» BRIEF
Retype, word for word, each line between the lines holding "for number, where, z_axis, x_axis, name" and "#63=IFCINDEXEDPOLYGONALFACE((5,7,8,6));", inclusive, and leave the rest of the data alone.

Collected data
- - -

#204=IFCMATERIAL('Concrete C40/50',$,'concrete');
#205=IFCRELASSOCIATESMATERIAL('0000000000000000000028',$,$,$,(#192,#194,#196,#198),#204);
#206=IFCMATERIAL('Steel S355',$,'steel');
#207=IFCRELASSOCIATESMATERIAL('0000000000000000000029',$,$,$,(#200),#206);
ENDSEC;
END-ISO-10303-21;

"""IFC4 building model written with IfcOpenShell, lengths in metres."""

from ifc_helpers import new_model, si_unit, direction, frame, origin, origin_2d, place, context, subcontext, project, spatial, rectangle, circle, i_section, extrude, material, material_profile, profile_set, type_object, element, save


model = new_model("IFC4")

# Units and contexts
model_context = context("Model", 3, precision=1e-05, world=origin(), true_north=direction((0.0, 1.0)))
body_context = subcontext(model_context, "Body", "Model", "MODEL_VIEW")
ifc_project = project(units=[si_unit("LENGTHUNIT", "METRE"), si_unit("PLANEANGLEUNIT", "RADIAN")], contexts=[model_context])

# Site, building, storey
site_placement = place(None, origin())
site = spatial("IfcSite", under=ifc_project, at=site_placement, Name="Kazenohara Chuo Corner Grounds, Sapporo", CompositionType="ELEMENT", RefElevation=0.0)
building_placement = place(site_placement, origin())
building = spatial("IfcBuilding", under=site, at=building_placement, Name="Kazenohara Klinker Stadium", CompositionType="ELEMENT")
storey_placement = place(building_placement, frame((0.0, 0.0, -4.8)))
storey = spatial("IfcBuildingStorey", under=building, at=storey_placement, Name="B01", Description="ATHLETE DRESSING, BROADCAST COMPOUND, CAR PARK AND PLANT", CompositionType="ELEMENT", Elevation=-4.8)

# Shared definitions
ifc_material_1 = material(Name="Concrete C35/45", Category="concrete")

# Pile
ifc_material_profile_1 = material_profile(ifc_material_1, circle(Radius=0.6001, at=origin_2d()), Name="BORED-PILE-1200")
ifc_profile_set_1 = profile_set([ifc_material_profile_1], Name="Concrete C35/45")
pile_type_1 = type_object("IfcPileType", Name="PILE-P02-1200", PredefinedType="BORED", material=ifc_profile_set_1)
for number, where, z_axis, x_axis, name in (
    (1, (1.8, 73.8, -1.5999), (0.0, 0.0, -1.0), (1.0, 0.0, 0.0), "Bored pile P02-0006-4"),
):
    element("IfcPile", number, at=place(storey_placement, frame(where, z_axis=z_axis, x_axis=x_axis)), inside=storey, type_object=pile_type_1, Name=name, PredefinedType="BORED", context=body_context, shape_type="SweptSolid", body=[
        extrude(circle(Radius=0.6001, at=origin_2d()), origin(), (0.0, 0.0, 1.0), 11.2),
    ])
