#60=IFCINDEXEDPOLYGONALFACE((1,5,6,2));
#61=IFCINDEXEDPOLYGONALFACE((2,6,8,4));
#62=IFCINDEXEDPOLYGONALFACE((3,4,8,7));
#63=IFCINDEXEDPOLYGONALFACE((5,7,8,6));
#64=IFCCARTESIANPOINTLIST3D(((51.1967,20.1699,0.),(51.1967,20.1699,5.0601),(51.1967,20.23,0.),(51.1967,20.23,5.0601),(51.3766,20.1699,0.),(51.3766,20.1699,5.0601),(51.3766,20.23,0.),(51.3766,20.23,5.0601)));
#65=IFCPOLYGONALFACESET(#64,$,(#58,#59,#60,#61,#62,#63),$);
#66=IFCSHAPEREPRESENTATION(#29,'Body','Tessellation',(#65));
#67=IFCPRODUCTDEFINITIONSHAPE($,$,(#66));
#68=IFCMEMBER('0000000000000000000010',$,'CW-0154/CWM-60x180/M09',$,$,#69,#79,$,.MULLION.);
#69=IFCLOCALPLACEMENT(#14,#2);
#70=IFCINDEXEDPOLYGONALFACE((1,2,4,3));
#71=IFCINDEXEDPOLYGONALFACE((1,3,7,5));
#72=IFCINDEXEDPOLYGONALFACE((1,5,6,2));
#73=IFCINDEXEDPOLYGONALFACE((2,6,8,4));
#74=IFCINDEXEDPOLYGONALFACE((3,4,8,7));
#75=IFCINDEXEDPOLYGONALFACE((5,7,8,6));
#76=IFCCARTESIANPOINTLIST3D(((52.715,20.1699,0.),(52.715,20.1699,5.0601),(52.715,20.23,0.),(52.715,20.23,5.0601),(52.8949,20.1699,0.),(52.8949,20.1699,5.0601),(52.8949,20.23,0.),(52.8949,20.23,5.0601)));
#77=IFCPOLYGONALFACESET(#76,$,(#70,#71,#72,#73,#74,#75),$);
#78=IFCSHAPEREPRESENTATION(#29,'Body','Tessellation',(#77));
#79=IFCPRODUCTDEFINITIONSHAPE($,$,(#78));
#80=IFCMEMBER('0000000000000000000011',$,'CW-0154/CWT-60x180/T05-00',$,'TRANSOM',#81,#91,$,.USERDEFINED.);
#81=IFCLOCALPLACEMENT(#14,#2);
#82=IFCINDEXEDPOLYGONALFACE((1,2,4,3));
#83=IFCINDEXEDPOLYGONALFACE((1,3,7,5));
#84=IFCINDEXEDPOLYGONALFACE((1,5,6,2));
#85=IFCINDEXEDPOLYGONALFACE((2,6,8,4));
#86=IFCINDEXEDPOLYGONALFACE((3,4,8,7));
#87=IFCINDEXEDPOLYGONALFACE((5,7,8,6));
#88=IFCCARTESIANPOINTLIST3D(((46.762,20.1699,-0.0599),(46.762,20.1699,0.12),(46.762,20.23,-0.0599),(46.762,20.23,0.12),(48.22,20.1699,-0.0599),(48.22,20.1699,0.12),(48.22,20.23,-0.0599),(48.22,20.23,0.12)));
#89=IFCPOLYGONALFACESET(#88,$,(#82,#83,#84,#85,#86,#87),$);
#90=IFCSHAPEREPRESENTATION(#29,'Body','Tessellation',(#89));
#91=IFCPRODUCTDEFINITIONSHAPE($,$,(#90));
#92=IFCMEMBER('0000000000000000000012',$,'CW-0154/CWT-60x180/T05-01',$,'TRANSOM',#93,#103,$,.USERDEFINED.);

- - -

» REPLY
for number, where, z_axis, x_axis, name in (
    (1, (1.8, 73.8, -1.5999), (0.0, 0.0, -1.0), (1.0, 0.0, 0.0), "Bored pile P02-0006-4"),
):
    element("IfcPile", number, at=place(storey_placement, frame(where, z_axis=z_axis, x_axis=x_axis)), inside=storey, type_object=pile_type_1, Name=name, PredefinedType="BORED", context=body_context, shape_type="SweptSolid", body=[
        extrude(circle(Radius=0.6001, at=origin_2d()), origin(), (0.0, 0.0, 1.0), 11.2),
    ])
#60=IFCINDEXEDPOLYGONALFACE((1,5,6,2));
#61=IFCINDEXEDPOLYGONALFACE((2,6,8,4));
#62=IFCINDEXEDPOLYGONALFACE((3,4,8,7));
#63=IFCINDEXEDPOLYGONALFACE((5,7,8,6));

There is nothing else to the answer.